Beginning with the first line and ending with the one containing "#154=IFCINDEXEDPOLYGONALFACE((15,16,20,19));", copy the lines of the listing below exactly; omit everything else.
START Provided information
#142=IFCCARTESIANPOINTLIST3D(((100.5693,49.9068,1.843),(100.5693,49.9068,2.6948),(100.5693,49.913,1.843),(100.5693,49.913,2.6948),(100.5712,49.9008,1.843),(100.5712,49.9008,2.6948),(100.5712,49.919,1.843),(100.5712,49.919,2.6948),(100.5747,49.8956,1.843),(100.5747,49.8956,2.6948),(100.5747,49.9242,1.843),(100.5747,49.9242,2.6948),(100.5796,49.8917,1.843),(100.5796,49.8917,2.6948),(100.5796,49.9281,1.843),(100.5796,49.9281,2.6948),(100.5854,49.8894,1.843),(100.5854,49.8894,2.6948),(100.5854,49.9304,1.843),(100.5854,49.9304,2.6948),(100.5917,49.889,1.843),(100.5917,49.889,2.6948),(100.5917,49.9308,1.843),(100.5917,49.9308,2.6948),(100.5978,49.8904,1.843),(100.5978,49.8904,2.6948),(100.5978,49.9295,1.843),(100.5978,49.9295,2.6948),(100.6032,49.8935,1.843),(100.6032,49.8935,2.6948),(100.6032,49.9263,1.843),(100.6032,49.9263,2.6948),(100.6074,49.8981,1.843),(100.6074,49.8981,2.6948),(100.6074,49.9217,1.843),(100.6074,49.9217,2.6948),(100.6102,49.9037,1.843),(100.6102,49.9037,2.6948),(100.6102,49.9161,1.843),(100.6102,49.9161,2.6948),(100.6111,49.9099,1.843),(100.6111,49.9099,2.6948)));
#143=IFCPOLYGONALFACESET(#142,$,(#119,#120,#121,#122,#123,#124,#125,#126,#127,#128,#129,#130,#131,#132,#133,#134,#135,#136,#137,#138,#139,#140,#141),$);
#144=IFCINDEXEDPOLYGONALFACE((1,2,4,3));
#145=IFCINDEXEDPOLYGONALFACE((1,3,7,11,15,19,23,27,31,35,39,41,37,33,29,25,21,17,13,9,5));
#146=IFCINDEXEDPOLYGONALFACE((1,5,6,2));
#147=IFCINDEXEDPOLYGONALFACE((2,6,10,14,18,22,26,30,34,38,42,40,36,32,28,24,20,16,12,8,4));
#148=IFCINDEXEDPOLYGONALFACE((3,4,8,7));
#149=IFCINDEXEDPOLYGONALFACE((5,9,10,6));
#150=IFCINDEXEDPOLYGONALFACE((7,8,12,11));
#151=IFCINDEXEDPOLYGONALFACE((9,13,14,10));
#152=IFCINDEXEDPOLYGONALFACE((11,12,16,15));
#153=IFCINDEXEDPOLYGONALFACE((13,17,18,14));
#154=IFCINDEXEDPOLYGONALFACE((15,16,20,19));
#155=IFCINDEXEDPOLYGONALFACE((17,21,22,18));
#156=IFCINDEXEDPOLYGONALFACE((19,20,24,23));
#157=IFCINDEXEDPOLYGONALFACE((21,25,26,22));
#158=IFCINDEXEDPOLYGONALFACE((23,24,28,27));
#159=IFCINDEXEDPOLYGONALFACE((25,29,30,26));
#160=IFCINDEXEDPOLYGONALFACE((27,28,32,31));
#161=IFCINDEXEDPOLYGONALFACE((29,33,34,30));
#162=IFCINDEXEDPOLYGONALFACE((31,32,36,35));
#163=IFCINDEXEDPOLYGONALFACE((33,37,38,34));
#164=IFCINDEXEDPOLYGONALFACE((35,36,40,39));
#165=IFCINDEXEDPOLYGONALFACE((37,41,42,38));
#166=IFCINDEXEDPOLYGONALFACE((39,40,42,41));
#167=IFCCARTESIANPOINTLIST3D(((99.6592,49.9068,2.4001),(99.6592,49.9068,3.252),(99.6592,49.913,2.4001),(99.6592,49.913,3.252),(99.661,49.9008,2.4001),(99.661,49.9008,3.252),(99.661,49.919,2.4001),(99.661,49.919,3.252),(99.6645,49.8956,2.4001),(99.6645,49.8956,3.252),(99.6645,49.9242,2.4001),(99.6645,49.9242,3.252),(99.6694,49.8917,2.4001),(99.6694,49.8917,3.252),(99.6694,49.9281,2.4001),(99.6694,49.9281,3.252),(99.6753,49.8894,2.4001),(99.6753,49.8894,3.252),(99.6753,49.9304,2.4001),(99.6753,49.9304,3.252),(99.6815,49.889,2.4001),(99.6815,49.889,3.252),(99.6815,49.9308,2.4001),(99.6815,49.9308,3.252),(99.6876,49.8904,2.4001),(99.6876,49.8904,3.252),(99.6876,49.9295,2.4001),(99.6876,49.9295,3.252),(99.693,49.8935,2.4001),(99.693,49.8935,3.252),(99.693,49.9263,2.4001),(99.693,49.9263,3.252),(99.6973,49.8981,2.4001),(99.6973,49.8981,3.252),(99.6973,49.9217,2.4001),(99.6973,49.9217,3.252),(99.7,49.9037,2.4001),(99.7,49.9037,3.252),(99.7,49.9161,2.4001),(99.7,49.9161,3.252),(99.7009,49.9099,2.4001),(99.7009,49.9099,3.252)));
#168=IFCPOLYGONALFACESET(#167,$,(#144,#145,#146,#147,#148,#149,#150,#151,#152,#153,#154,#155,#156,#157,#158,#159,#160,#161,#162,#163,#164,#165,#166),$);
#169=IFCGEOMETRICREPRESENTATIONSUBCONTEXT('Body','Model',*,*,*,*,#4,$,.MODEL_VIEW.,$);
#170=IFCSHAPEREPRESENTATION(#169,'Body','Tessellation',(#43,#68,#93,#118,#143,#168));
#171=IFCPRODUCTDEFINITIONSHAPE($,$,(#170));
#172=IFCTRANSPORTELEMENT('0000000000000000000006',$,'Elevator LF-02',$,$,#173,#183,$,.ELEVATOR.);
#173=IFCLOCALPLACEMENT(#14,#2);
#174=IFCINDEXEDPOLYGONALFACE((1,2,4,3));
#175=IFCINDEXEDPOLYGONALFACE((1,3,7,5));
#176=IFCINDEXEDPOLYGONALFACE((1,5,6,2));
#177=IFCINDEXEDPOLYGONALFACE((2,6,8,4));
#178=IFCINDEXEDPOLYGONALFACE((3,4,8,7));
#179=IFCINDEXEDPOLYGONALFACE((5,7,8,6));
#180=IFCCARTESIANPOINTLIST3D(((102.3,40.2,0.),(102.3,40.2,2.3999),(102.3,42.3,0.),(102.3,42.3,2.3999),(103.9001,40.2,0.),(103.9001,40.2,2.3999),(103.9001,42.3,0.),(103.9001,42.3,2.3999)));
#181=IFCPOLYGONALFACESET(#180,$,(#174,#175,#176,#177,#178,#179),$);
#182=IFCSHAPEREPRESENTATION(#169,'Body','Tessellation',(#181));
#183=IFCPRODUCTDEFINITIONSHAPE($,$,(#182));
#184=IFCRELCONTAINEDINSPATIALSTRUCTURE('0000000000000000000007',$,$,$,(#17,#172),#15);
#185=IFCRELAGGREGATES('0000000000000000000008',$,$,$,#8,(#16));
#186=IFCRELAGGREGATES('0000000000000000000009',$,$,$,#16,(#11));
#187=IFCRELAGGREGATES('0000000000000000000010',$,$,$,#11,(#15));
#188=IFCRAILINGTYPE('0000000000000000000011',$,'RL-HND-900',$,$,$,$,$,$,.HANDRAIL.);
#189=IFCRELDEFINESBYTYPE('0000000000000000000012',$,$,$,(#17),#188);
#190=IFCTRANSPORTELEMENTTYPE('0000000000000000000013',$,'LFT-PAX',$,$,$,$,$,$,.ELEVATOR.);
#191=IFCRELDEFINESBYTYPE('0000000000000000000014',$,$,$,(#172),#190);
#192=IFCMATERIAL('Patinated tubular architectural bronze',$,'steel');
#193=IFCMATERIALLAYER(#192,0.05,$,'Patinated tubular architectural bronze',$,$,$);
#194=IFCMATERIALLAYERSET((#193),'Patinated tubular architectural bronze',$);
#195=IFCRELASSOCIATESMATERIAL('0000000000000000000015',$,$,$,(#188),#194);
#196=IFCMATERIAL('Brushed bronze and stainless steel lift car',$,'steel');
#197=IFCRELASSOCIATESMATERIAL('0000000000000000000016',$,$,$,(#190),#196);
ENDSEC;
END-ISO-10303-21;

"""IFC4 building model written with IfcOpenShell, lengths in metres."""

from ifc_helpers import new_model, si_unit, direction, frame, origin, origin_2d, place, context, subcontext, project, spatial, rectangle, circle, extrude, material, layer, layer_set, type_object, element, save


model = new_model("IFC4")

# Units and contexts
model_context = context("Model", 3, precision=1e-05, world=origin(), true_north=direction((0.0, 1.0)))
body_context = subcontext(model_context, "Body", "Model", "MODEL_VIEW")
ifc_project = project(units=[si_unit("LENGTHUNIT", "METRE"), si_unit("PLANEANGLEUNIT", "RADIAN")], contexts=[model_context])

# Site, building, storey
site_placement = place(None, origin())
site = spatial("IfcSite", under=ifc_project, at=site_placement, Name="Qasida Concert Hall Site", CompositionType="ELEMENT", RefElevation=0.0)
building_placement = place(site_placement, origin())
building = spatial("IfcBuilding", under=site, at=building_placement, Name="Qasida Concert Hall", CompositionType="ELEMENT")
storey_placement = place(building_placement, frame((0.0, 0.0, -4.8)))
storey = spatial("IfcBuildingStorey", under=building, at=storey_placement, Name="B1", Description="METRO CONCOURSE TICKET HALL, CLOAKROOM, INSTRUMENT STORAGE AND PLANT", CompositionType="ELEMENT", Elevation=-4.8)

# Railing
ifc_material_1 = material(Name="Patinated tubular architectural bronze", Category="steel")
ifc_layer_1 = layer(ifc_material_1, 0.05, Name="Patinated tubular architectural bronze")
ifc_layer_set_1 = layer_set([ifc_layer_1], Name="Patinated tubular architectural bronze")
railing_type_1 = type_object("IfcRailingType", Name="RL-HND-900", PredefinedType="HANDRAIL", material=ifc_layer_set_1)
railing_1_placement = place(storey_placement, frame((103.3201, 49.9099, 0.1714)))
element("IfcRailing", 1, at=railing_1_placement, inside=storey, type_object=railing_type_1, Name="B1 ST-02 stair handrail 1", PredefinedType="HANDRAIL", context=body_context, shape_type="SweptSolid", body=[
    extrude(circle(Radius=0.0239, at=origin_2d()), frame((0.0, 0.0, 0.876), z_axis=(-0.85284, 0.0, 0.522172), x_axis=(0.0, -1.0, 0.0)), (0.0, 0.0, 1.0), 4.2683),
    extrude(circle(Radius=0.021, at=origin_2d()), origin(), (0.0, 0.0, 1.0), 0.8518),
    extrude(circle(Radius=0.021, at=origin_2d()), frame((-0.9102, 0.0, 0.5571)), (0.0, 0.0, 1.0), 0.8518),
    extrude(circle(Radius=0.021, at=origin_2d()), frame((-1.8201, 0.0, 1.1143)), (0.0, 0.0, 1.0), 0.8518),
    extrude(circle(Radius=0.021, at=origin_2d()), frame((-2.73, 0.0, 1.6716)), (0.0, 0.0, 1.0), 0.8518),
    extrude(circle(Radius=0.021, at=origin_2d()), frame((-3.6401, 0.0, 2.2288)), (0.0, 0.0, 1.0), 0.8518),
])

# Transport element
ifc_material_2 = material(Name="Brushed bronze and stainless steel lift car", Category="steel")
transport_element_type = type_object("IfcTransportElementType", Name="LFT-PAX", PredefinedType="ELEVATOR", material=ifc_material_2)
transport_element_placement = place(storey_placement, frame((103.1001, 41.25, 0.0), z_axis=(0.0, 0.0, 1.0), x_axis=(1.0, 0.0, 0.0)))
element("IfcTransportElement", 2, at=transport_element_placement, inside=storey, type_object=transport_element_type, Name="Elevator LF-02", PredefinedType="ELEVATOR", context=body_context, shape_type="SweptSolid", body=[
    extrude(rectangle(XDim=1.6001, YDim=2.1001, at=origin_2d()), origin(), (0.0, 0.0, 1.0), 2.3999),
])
END Provided information
Written solution -
#142=IFCCARTESIANPOINTLIST3D(((100.5693,49.9068,1.843),(100.5693,49.9068,2.6948),(100.5693,49.913,1.843),(100.5693,49.913,2.6948),(100.5712,49.9008,1.843),(100.5712,49.9008,2.6948),(100.5712,49.919,1.843),(100.5712,49.919,2.6948),(100.5747,49.8956,1.843),(100.5747,49.8956,2.6948),(100.5747,49.9242,1.843),(100.5747,49.9242,2.6948),(100.5796,49.8917,1.843),(100.5796,49.8917,2.6948),(100.5796,49.9281,1.843),(100.5796,49.9281,2.6948),(100.5854,49.8894,1.843),(100.5854,49.8894,2.6948),(100.5854,49.9304,1.843),(100.5854,49.9304,2.6948),(100.5917,49.889,1.843),(100.5917,49.889,2.6948),(100.5917,49.9308,1.843),(100.5917,49.9308,2.6948),(100.5978,49.8904,1.843),(100.5978,49.8904,2.6948),(100.5978,49.9295,1.843),(100.5978,49.9295,2.6948),(100.6032,49.8935,1.843),(100.6032,49.8935,2.6948),(100.6032,49.9263,1.843),(100.6032,49.9263,2.6948),(100.6074,49.8981,1.843),(100.6074,49.8981,2.6948),(100.6074,49.9217,1.843),(100.6074,49.9217,2.6948),(100.6102,49.9037,1.843),(100.6102,49.9037,2.6948),(100.6102,49.9161,1.843),(100.6102,49.9161,2.6948),(100.6111,49.9099,1.843),(100.6111,49.9099,2.6948)));
#143=IFCPOLYGONALFACESET(#142,$,(#119,#120,#121,#122,#123,#124,#125,#126,#127,#128,#129,#130,#131,#132,#133,#134,#135,#136,#137,#138,#139,#140,#141),$);
#144=IFCINDEXEDPOLYGONALFACE((1,2,4,3));
#145=IFCINDEXEDPOLYGONALFACE((1,3,7,11,15,19,23,27,31,35,39,41,37,33,29,25,21,17,13,9,5));
#146=IFCINDEXEDPOLYGONALFACE((1,5,6,2));
#147=IFCINDEXEDPOLYGONALFACE((2,6,10,14,18,22,26,30,34,38,42,40,36,32,28,24,20,16,12,8,4));
#148=IFCINDEXEDPOLYGONALFACE((3,4,8,7));
#149=IFCINDEXEDPOLYGONALFACE((5,9,10,6));
#150=IFCINDEXEDPOLYGONALFACE((7,8,12,11));
#151=IFCINDEXEDPOLYGONALFACE((9,13,14,10));
#152=IFCINDEXEDPOLYGONALFACE((11,12,16,15));
#153=IFCINDEXEDPOLYGONALFACE((13,17,18,14));
#154=IFCINDEXEDPOLYGONALFACE((15,16,20,19));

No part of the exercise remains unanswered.